= Records supplied =
++++++
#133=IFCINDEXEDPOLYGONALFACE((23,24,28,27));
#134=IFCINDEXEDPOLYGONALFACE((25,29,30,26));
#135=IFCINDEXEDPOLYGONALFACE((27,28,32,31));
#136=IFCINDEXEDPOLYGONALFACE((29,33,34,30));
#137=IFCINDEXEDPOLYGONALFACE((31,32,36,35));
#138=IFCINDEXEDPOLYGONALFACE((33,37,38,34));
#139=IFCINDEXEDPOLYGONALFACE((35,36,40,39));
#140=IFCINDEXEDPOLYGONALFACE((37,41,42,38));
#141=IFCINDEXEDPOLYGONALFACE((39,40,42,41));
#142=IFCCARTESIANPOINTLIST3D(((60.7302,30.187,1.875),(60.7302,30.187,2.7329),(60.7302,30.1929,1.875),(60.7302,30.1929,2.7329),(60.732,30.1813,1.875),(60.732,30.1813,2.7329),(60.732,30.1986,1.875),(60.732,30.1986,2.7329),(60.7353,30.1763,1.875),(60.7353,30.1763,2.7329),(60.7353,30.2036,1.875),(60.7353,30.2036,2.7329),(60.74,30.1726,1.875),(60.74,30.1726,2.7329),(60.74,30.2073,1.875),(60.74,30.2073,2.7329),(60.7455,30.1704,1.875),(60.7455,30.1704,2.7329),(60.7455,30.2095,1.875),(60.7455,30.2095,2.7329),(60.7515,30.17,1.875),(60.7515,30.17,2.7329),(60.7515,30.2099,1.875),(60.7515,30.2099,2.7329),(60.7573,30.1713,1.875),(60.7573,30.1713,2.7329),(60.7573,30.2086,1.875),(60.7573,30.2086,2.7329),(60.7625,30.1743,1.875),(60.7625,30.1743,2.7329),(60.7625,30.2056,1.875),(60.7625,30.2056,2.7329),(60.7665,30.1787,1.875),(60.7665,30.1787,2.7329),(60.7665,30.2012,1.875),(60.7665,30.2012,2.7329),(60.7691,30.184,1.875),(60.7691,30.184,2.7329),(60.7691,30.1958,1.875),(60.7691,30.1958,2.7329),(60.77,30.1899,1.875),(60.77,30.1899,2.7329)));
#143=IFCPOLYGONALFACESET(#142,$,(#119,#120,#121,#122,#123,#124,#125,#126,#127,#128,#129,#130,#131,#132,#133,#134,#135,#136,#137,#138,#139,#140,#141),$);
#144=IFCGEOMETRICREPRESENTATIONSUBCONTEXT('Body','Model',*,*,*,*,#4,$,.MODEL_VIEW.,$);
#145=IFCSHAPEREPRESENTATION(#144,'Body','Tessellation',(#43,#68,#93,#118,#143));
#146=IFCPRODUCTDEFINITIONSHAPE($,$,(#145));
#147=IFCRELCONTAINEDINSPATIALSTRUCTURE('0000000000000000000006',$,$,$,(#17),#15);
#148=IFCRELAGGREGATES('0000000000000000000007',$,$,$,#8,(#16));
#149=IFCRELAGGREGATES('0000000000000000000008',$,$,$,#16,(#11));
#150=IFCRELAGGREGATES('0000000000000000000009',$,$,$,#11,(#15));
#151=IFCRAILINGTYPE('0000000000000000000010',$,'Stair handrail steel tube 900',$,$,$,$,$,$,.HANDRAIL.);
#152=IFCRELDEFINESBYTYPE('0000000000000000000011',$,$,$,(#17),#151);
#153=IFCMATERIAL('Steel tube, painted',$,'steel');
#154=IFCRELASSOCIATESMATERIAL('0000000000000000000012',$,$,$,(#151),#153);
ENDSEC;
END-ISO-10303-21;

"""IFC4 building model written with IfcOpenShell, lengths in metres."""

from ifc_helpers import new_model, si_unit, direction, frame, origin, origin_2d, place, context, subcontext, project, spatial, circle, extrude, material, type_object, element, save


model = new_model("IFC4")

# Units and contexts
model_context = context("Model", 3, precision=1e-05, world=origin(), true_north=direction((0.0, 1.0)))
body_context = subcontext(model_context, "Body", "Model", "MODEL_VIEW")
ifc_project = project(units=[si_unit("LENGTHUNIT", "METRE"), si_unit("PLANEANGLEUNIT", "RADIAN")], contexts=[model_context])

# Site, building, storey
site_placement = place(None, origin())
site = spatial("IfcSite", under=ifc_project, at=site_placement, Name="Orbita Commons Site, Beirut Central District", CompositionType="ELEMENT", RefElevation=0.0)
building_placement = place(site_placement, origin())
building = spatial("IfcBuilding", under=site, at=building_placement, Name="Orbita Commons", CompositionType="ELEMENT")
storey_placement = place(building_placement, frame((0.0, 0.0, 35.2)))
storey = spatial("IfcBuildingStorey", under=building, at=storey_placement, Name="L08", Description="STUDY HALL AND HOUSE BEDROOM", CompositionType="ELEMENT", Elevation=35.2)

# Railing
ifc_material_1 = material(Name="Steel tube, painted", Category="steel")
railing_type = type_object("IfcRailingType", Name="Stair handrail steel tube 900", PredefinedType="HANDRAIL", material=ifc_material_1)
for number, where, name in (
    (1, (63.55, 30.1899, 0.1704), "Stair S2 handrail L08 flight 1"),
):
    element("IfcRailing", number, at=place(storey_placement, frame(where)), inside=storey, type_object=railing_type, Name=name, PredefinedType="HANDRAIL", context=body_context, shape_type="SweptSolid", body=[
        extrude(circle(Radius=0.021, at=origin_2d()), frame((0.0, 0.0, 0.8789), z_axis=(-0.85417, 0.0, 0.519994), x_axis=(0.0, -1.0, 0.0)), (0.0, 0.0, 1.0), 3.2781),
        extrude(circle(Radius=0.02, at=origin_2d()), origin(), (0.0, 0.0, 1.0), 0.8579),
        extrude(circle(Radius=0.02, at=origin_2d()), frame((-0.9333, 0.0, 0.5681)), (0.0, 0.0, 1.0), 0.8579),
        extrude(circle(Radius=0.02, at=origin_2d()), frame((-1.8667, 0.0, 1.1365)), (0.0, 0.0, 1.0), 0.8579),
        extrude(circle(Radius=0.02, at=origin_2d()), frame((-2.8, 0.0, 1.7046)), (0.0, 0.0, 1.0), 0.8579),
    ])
++++++
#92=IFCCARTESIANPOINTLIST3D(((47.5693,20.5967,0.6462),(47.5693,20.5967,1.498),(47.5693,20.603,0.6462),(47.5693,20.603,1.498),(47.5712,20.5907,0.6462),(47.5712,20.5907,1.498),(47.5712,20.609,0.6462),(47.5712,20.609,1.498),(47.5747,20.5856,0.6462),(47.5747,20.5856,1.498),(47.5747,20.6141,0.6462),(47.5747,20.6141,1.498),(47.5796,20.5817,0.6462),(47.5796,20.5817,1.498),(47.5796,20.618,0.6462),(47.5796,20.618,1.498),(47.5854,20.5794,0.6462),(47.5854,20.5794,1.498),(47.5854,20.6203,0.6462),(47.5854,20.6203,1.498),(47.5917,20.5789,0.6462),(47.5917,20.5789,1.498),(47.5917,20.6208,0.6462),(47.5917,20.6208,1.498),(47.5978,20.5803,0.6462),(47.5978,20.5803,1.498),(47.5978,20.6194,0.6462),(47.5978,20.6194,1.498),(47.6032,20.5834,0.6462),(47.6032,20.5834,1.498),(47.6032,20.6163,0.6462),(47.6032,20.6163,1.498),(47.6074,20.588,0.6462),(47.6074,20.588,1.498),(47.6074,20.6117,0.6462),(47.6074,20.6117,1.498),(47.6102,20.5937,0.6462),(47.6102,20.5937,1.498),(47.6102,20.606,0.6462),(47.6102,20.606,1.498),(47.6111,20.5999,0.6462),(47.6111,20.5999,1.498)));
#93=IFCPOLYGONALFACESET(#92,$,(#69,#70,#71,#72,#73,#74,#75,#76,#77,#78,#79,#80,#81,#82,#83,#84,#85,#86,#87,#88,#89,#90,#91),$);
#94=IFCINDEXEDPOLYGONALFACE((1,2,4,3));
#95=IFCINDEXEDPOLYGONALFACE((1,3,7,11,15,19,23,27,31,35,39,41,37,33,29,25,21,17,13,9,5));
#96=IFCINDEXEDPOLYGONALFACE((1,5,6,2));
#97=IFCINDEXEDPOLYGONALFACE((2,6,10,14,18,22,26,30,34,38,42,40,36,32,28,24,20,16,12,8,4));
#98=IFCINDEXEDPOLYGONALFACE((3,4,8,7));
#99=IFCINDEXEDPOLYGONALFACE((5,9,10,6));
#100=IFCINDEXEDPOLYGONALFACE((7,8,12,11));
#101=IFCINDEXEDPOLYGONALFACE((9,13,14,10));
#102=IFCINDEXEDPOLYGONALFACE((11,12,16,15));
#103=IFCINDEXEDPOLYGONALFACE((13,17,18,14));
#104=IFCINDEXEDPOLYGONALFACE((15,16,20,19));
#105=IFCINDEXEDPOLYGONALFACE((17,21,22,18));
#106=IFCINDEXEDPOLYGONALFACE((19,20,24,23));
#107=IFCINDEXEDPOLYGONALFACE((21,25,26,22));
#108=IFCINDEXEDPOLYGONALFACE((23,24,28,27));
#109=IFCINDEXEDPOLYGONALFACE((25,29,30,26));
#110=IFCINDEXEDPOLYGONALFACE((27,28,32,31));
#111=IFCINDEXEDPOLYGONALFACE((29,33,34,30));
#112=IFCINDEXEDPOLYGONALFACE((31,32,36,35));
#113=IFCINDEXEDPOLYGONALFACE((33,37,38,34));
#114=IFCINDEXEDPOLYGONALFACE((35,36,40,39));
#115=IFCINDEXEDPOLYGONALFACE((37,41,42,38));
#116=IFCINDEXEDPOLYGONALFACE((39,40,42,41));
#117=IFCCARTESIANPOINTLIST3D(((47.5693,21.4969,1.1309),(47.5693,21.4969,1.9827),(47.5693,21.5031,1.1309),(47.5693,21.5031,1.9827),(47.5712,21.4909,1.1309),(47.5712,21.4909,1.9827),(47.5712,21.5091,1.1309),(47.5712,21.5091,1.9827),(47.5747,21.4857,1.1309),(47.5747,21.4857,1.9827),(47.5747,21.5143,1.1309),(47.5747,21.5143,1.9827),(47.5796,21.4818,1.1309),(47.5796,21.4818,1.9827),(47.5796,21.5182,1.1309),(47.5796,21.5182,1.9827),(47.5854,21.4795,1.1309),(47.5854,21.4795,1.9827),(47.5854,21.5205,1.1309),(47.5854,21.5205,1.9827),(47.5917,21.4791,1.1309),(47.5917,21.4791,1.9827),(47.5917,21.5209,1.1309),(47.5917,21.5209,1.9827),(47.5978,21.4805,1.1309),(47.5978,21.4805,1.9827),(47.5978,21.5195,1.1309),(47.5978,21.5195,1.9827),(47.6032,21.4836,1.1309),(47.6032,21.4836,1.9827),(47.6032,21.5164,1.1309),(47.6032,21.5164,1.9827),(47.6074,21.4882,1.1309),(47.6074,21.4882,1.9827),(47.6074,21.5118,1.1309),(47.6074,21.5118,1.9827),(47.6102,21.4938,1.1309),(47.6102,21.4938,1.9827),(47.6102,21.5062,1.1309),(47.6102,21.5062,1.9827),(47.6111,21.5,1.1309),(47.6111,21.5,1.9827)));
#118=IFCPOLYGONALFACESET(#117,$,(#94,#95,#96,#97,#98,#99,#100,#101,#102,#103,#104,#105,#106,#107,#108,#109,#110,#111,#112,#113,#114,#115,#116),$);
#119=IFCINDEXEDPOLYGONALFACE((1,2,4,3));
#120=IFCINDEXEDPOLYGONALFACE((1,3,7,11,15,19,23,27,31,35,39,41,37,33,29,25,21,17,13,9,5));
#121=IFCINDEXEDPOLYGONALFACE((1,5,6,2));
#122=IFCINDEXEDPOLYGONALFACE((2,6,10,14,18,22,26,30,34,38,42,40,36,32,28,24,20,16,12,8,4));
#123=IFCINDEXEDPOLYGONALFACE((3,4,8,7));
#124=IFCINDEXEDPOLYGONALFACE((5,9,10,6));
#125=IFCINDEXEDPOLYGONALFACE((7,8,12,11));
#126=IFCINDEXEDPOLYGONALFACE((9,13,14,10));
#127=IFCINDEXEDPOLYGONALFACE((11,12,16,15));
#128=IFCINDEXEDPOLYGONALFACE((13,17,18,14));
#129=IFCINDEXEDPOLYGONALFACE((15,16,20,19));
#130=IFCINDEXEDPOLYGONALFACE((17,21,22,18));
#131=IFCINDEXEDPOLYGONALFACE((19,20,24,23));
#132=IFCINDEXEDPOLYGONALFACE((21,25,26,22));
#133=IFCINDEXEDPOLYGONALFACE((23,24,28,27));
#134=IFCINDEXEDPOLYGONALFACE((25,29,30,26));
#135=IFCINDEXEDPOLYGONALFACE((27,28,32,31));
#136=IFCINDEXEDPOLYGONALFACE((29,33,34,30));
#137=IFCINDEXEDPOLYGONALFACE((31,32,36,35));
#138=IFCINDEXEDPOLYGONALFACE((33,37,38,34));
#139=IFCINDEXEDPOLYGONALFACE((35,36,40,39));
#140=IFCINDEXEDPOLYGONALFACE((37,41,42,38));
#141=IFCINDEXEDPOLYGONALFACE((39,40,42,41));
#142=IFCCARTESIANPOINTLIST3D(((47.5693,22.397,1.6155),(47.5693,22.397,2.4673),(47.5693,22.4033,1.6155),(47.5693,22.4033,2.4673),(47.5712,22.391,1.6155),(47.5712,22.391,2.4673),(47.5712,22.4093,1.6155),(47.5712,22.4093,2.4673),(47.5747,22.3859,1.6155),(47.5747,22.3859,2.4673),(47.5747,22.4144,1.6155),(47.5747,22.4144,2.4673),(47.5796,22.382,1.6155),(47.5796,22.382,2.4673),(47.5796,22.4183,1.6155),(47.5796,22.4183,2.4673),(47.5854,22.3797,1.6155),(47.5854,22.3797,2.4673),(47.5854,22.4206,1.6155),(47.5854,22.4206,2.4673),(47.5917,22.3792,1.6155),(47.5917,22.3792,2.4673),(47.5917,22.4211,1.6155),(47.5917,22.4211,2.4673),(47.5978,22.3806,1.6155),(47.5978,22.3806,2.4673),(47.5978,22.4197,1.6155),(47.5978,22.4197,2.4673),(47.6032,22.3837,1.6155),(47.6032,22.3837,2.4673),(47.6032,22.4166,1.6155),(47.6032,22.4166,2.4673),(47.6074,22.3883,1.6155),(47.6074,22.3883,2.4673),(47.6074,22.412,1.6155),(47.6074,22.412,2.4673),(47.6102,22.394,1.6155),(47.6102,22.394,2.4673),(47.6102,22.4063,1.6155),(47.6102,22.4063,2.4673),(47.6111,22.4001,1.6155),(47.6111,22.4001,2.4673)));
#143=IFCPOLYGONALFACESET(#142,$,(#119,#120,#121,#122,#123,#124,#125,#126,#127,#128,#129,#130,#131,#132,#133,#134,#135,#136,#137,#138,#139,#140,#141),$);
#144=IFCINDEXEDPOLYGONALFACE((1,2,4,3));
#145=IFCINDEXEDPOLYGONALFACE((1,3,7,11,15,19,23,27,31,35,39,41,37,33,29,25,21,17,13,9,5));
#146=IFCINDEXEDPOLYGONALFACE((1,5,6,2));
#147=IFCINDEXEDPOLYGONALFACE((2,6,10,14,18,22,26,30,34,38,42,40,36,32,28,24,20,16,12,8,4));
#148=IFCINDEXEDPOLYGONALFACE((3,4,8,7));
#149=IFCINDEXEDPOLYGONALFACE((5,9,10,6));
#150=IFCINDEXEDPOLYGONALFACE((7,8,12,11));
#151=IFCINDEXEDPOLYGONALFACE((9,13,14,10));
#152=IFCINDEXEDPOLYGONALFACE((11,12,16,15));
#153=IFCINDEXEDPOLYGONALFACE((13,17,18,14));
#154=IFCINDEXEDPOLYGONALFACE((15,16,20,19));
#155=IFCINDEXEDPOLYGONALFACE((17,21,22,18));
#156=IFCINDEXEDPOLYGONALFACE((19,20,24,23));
++++++
Looking at the records, report the number of lines that hold the string "steel", with no other text.

= Response below =
4